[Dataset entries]
───

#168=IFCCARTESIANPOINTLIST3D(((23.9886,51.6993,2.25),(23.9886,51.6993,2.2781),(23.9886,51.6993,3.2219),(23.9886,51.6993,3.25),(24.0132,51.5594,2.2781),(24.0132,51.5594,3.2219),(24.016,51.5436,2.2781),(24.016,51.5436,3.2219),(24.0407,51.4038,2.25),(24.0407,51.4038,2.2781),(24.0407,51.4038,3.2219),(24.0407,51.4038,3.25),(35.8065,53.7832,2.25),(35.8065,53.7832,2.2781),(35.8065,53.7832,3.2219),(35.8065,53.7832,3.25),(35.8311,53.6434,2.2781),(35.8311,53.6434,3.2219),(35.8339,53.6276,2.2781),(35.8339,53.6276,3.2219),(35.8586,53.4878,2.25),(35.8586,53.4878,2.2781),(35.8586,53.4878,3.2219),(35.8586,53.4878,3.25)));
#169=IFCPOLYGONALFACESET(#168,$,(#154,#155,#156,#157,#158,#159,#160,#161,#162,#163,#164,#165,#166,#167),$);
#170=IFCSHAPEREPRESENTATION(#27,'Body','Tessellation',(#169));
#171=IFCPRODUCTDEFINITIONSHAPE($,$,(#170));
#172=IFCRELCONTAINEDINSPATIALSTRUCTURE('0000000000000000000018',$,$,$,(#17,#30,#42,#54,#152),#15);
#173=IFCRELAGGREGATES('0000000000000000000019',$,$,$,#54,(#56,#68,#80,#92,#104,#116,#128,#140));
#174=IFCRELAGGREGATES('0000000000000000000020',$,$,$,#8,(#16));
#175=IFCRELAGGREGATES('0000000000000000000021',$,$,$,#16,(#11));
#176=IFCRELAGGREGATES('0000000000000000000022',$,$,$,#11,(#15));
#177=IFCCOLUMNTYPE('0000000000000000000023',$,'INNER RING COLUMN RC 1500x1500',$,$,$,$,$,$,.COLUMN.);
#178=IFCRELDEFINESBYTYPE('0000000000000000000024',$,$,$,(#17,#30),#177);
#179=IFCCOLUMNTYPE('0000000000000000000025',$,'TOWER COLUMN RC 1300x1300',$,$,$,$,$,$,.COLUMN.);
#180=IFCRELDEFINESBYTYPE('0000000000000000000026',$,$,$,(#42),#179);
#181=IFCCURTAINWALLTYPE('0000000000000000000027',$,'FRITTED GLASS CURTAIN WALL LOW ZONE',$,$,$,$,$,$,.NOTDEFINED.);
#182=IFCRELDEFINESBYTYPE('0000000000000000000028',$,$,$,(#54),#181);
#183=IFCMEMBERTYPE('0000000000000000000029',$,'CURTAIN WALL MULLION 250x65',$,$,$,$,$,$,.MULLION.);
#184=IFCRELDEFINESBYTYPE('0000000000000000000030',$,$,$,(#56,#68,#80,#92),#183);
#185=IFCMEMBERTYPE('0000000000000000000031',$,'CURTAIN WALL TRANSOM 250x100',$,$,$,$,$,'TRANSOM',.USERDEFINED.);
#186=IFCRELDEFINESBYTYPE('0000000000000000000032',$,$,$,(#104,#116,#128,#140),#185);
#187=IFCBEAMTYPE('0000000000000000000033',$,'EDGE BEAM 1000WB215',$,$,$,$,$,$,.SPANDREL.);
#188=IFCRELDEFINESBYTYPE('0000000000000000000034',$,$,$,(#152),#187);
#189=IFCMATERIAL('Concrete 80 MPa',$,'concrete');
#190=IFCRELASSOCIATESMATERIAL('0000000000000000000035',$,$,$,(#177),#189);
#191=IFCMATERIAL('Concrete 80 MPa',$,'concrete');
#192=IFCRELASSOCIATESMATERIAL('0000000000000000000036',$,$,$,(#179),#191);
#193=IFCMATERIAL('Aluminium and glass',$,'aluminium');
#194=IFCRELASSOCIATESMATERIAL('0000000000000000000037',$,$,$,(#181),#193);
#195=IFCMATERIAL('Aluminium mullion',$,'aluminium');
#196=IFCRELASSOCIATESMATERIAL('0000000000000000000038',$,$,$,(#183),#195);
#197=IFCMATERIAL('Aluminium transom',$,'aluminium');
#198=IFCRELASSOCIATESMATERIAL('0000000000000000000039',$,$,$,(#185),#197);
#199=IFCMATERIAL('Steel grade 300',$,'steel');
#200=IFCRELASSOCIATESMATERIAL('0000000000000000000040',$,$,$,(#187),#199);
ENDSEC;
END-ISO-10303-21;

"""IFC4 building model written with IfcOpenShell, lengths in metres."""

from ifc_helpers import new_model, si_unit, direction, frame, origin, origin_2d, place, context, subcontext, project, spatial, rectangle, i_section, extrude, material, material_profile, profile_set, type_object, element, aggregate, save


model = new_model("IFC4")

───

__Brief__.
Go through the data above and transcribe every entry exactly.

__Solution for this problem__.
#168=IFCCARTESIANPOINTLIST3D(((23.9886,51.6993,2.25),(23.9886,51.6993,2.2781),(23.9886,51.6993,3.2219),(23.9886,51.6993,3.25),(24.0132,51.5594,2.2781),(24.0132,51.5594,3.2219),(24.016,51.5436,2.2781),(24.016,51.5436,3.2219),(24.0407,51.4038,2.25),(24.0407,51.4038,2.2781),(24.0407,51.4038,3.2219),(24.0407,51.4038,3.25),(35.8065,53.7832,2.25),(35.8065,53.7832,2.2781),(35.8065,53.7832,3.2219),(35.8065,53.7832,3.25),(35.8311,53.6434,2.2781),(35.8311,53.6434,3.2219),(35.8339,53.6276,2.2781),(35.8339,53.6276,3.2219),(35.8586,53.4878,2.25),(35.8586,53.4878,2.2781),(35.8586,53.4878,3.2219),(35.8586,53.4878,3.25)));
#169=IFCPOLYGONALFACESET(#168,$,(#154,#155,#156,#157,#158,#159,#160,#161,#162,#163,#164,#165,#166,#167),$);
#170=IFCSHAPEREPRESENTATION(#27,'Body','Tessellation',(#169));
#171=IFCPRODUCTDEFINITIONSHAPE($,$,(#170));
#172=IFCRELCONTAINEDINSPATIALSTRUCTURE('0000000000000000000018',$,$,$,(#17,#30,#42,#54,#152),#15);
#173=IFCRELAGGREGATES('0000000000000000000019',$,$,$,#54,(#56,#68,#80,#92,#104,#116,#128,#140));
#174=IFCRELAGGREGATES('0000000000000000000020',$,$,$,#8,(#16));
#175=IFCRELAGGREGATES('0000000000000000000021',$,$,$,#16,(#11));
#176=IFCRELAGGREGATES('0000000000000000000022',$,$,$,#11,(#15));
#177=IFCCOLUMNTYPE('0000000000000000000023',$,'INNER RING COLUMN RC 1500x1500',$,$,$,$,$,$,.COLUMN.);
#178=IFCRELDEFINESBYTYPE('0000000000000000000024',$,$,$,(#17,#30),#177);
#179=IFCCOLUMNTYPE('0000000000000000000025',$,'TOWER COLUMN RC 1300x1300',$,$,$,$,$,$,.COLUMN.);
#180=IFCRELDEFINESBYTYPE('0000000000000000000026',$,$,$,(#42),#179);
#181=IFCCURTAINWALLTYPE('0000000000000000000027',$,'FRITTED GLASS CURTAIN WALL LOW ZONE',$,$,$,$,$,$,.NOTDEFINED.);
#182=IFCRELDEFINESBYTYPE('0000000000000000000028',$,$,$,(#54),#181);
#183=IFCMEMBERTYPE('0000000000000000000029',$,'CURTAIN WALL MULLION 250x65',$,$,$,$,$,$,.MULLION.);
#184=IFCRELDEFINESBYTYPE('0000000000000000000030',$,$,$,(#56,#68,#80,#92),#183);
#185=IFCMEMBERTYPE('0000000000000000000031',$,'CURTAIN WALL TRANSOM 250x100',$,$,$,$,$,'TRANSOM',.USERDEFINED.);
#186=IFCRELDEFINESBYTYPE('0000000000000000000032',$,$,$,(#104,#116,#128,#140),#185);
#187=IFCBEAMTYPE('0000000000000000000033',$,'EDGE BEAM 1000WB215',$,$,$,$,$,$,.SPANDREL.);
#188=IFCRELDEFINESBYTYPE('0000000000000000000034',$,$,$,(#152),#187);
#189=IFCMATERIAL('Concrete 80 MPa',$,'concrete');
#190=IFCRELASSOCIATESMATERIAL('0000000000000000000035',$,$,$,(#177),#189);
#191=IFCMATERIAL('Concrete 80 MPa',$,'concrete');
#192=IFCRELASSOCIATESMATERIAL('0000000000000000000036',$,$,$,(#179),#191);
#193=IFCMATERIAL('Aluminium and glass',$,'aluminium');
#194=IFCRELASSOCIATESMATERIAL('0000000000000000000037',$,$,$,(#181),#193);
#195=IFCMATERIAL('Aluminium mullion',$,'aluminium');
#196=IFCRELASSOCIATESMATERIAL('0000000000000000000038',$,$,$,(#183),#195);
#197=IFCMATERIAL('Aluminium transom',$,'aluminium');
#198=IFCRELASSOCIATESMATERIAL('0000000000000000000039',$,$,$,(#185),#197);
#199=IFCMATERIAL('Steel grade 300',$,'steel');
#200=IFCRELASSOCIATESMATERIAL('0000000000000000000040',$,$,$,(#187),#199);
ENDSEC;
END-ISO-10303-21;

"""IFC4 building model written with IfcOpenShell, lengths in metres."""

from ifc_helpers import new_model, si_unit, direction, frame, origin, origin_2d, place, context, subcontext, project, spatial, rectangle, i_section, extrude, material, material_profile, profile_set, type_object, element, aggregate, save


model = new_model("IFC4")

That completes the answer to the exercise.